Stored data
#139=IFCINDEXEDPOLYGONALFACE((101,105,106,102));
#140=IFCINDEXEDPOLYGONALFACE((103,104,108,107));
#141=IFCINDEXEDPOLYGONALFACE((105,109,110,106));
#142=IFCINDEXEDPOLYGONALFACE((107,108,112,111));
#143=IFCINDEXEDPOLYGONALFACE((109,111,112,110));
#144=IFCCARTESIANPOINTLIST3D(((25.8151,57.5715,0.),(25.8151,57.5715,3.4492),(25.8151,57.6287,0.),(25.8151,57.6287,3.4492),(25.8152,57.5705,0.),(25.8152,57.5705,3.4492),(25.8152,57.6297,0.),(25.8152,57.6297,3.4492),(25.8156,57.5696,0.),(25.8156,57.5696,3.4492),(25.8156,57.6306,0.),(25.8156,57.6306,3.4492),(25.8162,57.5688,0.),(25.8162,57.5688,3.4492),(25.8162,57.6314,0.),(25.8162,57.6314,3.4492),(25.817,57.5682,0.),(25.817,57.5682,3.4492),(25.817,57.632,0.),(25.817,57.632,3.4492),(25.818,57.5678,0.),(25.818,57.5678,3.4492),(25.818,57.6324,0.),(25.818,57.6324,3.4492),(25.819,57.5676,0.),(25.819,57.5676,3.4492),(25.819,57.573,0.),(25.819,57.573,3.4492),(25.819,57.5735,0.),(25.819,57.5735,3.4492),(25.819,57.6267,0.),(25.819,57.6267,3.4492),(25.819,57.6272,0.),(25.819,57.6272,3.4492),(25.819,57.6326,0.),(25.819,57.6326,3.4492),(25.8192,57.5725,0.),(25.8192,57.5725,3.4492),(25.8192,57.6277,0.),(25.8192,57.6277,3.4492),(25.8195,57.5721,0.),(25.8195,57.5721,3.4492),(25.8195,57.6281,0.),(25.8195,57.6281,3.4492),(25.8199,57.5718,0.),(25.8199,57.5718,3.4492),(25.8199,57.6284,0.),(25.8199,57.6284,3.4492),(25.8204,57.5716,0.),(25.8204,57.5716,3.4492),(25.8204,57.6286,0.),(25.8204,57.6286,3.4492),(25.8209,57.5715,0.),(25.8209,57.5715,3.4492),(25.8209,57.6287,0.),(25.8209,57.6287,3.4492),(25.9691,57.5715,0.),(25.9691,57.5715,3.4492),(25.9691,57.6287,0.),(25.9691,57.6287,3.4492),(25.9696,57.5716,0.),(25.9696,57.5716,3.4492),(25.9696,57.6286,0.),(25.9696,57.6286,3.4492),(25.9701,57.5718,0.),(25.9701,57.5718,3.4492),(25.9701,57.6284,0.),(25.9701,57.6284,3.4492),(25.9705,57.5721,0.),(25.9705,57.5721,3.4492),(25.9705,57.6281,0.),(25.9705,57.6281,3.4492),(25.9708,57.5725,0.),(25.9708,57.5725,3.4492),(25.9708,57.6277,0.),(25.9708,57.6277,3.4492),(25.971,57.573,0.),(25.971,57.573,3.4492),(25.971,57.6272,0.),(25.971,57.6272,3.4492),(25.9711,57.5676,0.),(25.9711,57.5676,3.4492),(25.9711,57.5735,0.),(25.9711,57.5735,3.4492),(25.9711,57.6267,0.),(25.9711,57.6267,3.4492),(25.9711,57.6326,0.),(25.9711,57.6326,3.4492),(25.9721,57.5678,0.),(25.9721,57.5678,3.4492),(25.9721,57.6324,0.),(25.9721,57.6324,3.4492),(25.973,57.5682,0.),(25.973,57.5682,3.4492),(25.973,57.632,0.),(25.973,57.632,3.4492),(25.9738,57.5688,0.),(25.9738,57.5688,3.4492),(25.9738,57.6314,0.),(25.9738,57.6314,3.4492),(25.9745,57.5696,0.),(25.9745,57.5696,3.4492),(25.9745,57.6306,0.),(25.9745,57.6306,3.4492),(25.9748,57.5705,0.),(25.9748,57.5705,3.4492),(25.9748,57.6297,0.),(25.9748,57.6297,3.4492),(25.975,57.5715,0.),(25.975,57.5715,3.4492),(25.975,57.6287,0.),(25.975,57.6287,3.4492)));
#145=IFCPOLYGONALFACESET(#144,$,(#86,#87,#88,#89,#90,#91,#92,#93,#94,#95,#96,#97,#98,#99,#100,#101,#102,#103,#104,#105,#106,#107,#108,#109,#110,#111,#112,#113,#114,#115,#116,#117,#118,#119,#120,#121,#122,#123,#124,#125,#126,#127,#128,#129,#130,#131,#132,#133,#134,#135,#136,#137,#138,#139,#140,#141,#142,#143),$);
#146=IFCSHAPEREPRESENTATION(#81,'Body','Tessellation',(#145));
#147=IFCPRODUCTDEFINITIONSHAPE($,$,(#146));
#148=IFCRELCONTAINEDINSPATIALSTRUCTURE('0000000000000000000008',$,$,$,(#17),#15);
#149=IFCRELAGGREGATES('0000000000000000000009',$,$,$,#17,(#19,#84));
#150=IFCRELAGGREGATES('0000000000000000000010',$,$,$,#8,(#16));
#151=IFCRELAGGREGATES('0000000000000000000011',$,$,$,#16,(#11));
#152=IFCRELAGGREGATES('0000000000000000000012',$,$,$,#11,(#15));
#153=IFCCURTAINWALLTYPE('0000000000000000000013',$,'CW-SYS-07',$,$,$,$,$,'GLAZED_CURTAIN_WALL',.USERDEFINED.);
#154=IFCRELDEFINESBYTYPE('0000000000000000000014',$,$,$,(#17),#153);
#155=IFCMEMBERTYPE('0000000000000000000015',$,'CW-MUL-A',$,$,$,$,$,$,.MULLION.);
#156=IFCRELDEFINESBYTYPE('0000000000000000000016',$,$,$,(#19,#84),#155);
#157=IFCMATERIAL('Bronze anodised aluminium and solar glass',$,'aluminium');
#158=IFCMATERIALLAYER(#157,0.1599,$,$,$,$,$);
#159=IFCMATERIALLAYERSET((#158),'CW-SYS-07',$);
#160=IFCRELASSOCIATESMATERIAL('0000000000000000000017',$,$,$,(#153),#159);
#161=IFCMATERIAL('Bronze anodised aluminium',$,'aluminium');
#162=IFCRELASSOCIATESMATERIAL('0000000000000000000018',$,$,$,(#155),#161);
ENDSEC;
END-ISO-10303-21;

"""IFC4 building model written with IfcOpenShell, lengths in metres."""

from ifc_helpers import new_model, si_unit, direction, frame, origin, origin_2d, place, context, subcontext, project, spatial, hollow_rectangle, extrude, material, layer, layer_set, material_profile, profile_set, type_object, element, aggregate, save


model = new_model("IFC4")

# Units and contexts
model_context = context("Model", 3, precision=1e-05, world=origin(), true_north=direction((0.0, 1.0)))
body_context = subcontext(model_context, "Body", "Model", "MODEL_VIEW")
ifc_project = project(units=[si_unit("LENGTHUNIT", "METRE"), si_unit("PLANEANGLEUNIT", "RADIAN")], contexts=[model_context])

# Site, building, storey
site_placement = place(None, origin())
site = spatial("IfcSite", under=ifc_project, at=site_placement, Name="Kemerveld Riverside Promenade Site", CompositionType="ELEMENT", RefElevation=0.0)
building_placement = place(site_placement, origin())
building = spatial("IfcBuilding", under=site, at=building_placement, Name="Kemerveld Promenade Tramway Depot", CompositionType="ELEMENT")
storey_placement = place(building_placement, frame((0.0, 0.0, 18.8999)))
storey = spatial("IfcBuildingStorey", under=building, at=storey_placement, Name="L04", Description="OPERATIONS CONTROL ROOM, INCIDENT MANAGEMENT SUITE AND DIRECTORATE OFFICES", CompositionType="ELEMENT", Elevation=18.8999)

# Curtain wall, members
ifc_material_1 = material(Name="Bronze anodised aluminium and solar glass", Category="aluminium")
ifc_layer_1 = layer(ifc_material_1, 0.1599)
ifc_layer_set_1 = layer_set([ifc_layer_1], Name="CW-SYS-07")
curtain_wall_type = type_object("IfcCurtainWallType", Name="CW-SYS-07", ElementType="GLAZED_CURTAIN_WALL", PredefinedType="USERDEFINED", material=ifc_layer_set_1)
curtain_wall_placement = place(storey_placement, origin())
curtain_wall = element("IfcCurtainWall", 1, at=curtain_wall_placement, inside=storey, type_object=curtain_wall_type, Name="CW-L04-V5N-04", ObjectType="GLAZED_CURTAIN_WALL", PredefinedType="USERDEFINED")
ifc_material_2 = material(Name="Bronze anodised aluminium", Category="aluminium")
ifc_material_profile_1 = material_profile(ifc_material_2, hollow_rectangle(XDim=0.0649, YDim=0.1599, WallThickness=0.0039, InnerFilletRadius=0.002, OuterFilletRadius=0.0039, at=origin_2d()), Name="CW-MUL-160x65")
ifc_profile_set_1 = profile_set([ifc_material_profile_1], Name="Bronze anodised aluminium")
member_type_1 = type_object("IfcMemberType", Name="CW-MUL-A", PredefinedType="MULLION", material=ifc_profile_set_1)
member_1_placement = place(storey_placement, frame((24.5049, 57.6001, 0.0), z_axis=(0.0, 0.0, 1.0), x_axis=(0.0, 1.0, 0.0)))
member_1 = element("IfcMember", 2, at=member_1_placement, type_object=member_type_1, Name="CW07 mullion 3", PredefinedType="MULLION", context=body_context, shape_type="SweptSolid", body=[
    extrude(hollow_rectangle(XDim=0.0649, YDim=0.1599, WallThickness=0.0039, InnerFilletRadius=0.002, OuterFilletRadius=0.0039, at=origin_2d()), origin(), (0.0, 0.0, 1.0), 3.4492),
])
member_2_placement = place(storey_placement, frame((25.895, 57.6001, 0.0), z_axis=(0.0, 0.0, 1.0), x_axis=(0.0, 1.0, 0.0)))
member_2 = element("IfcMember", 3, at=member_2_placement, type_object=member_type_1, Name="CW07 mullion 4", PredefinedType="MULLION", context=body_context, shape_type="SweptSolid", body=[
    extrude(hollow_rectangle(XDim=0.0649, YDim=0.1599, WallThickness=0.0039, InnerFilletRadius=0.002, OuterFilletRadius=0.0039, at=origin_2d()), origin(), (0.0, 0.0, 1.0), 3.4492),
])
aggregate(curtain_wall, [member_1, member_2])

Exercise objective:
Pick each line holding "glass" out of the entries above and return it.

Your response:
#157=IFCMATERIAL('Bronze anodised aluminium and solar glass',$,'aluminium');
ifc_material_1 = material(Name="Bronze anodised aluminium and solar glass", Category="aluminium")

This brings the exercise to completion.